(Collected data)
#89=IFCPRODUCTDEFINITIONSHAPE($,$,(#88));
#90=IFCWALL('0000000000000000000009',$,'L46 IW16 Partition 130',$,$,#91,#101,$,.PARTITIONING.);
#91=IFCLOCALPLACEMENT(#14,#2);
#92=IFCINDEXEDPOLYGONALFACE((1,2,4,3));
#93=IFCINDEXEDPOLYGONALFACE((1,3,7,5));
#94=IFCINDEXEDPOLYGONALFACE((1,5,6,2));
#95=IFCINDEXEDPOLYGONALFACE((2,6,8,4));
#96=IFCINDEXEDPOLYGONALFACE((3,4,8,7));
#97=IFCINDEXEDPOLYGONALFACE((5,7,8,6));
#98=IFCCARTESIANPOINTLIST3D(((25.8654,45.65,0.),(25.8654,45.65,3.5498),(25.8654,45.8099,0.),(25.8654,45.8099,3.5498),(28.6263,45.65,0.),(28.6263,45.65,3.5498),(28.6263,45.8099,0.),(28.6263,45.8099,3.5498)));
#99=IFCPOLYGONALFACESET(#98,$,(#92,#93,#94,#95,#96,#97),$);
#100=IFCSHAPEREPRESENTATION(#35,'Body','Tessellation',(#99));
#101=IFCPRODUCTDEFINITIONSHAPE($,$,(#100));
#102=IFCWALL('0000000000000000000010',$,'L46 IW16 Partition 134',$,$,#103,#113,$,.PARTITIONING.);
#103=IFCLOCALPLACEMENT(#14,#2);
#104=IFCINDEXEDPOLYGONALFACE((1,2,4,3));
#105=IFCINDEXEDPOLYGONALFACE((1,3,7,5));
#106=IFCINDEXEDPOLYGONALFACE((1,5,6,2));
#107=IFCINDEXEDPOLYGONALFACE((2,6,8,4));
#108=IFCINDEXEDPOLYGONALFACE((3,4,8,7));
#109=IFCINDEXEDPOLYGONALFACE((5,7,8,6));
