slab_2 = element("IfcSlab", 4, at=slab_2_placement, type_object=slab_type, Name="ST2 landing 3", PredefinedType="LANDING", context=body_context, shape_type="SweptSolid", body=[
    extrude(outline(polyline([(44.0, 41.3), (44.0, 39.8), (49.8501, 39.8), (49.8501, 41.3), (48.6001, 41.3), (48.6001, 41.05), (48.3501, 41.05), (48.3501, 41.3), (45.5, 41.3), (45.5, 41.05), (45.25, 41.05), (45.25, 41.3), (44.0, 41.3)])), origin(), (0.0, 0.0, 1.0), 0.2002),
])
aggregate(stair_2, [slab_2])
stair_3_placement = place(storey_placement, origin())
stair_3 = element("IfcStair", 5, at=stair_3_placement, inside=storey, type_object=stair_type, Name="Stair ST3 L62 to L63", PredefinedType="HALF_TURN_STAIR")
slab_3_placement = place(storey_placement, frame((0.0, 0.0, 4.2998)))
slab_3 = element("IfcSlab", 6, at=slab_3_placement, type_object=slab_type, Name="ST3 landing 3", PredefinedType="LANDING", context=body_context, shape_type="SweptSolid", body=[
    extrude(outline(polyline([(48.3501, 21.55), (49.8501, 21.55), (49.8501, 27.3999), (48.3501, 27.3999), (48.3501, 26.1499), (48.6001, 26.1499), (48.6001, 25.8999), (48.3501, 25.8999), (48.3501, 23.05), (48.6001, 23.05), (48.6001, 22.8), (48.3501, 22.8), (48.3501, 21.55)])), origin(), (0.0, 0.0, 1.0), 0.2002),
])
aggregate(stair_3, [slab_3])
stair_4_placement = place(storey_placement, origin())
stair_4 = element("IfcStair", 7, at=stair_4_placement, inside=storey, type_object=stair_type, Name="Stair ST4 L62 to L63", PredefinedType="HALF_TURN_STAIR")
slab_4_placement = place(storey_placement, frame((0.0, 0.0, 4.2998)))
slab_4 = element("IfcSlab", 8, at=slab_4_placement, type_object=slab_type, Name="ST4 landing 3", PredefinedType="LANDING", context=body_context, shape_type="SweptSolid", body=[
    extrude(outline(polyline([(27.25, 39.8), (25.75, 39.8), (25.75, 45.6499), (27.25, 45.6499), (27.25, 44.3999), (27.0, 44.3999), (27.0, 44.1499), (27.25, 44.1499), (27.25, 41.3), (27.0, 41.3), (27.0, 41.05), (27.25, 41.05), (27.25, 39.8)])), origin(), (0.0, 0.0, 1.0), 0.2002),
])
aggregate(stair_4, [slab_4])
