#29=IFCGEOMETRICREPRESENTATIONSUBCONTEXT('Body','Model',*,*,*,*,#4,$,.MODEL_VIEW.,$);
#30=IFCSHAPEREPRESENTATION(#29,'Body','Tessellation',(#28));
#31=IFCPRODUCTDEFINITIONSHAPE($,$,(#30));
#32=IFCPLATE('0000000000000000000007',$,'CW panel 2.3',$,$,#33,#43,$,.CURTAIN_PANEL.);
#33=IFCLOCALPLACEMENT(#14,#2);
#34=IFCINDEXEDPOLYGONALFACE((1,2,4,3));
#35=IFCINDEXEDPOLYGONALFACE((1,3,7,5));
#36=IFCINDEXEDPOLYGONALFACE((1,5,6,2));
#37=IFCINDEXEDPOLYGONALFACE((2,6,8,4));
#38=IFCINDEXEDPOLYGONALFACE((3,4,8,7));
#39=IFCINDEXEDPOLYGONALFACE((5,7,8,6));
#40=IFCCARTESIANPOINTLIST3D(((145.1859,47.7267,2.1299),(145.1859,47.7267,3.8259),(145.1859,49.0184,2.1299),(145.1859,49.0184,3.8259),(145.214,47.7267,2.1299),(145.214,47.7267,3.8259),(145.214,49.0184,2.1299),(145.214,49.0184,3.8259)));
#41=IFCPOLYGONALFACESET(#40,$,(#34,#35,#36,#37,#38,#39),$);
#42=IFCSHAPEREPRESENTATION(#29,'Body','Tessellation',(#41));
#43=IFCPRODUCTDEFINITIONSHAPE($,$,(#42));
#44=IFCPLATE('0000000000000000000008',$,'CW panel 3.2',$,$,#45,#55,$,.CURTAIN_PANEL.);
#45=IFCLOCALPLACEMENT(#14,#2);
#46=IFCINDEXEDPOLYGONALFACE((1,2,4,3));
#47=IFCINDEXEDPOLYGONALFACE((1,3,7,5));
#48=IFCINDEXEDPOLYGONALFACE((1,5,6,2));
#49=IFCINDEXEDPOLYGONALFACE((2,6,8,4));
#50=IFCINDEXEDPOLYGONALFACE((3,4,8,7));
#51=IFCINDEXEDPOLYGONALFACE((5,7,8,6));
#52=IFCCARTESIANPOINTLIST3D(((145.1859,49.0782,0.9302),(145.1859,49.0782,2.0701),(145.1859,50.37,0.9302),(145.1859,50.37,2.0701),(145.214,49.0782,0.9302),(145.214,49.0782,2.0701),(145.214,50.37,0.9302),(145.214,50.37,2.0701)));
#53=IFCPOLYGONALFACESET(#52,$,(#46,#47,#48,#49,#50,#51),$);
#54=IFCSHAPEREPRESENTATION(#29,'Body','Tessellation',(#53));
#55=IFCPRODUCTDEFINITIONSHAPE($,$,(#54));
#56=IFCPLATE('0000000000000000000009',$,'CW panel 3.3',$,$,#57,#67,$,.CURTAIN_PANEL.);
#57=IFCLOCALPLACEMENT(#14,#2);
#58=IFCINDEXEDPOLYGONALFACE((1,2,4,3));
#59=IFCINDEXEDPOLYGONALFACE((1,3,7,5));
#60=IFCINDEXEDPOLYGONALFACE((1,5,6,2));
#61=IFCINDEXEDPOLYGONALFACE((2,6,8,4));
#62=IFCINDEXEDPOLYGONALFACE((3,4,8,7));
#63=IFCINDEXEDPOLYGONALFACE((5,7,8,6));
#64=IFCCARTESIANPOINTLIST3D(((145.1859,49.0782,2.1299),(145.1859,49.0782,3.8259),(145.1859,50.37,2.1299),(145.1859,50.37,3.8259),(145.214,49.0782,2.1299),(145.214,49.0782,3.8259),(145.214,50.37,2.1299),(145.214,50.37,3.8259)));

Task to complete: From the line that has "#41=IFCPOLYGONALFACESET(#40,$,(#34,#35,#36,#37,#38,#39),$);" through the line that has "#53=IFCPOLYGONALFACESET(#52,$,(#46,#47,#48,#49,#50,#51),$);", copy every line exactly as it appears above, and leave out all others.

Response:
#41=IFCPOLYGONALFACESET(#40,$,(#34,#35,#36,#37,#38,#39),$);
#42=IFCSHAPEREPRESENTATION(#29,'Body','Tessellation',(#41));
#43=IFCPRODUCTDEFINITIONSHAPE($,$,(#42));
#44=IFCPLATE('0000000000000000000008',$,'CW panel 3.2',$,$,#45,#55,$,.CURTAIN_PANEL.);
#45=IFCLOCALPLACEMENT(#14,#2);
#46=IFCINDEXEDPOLYGONALFACE((1,2,4,3));
#47=IFCINDEXEDPOLYGONALFACE((1,3,7,5));
#48=IFCINDEXEDPOLYGONALFACE((1,5,6,2));
#49=IFCINDEXEDPOLYGONALFACE((2,6,8,4));
#50=IFCINDEXEDPOLYGONALFACE((3,4,8,7));
#51=IFCINDEXEDPOLYGONALFACE((5,7,8,6));
#52=IFCCARTESIANPOINTLIST3D(((145.1859,49.0782,0.9302),(145.1859,49.0782,2.0701),(145.1859,50.37,0.9302),(145.1859,50.37,2.0701),(145.214,49.0782,0.9302),(145.214,49.0782,2.0701),(145.214,50.37,0.9302),(145.214,50.37,2.0701)));
#53=IFCPOLYGONALFACESET(#52,$,(#46,#47,#48,#49,#50,#51),$);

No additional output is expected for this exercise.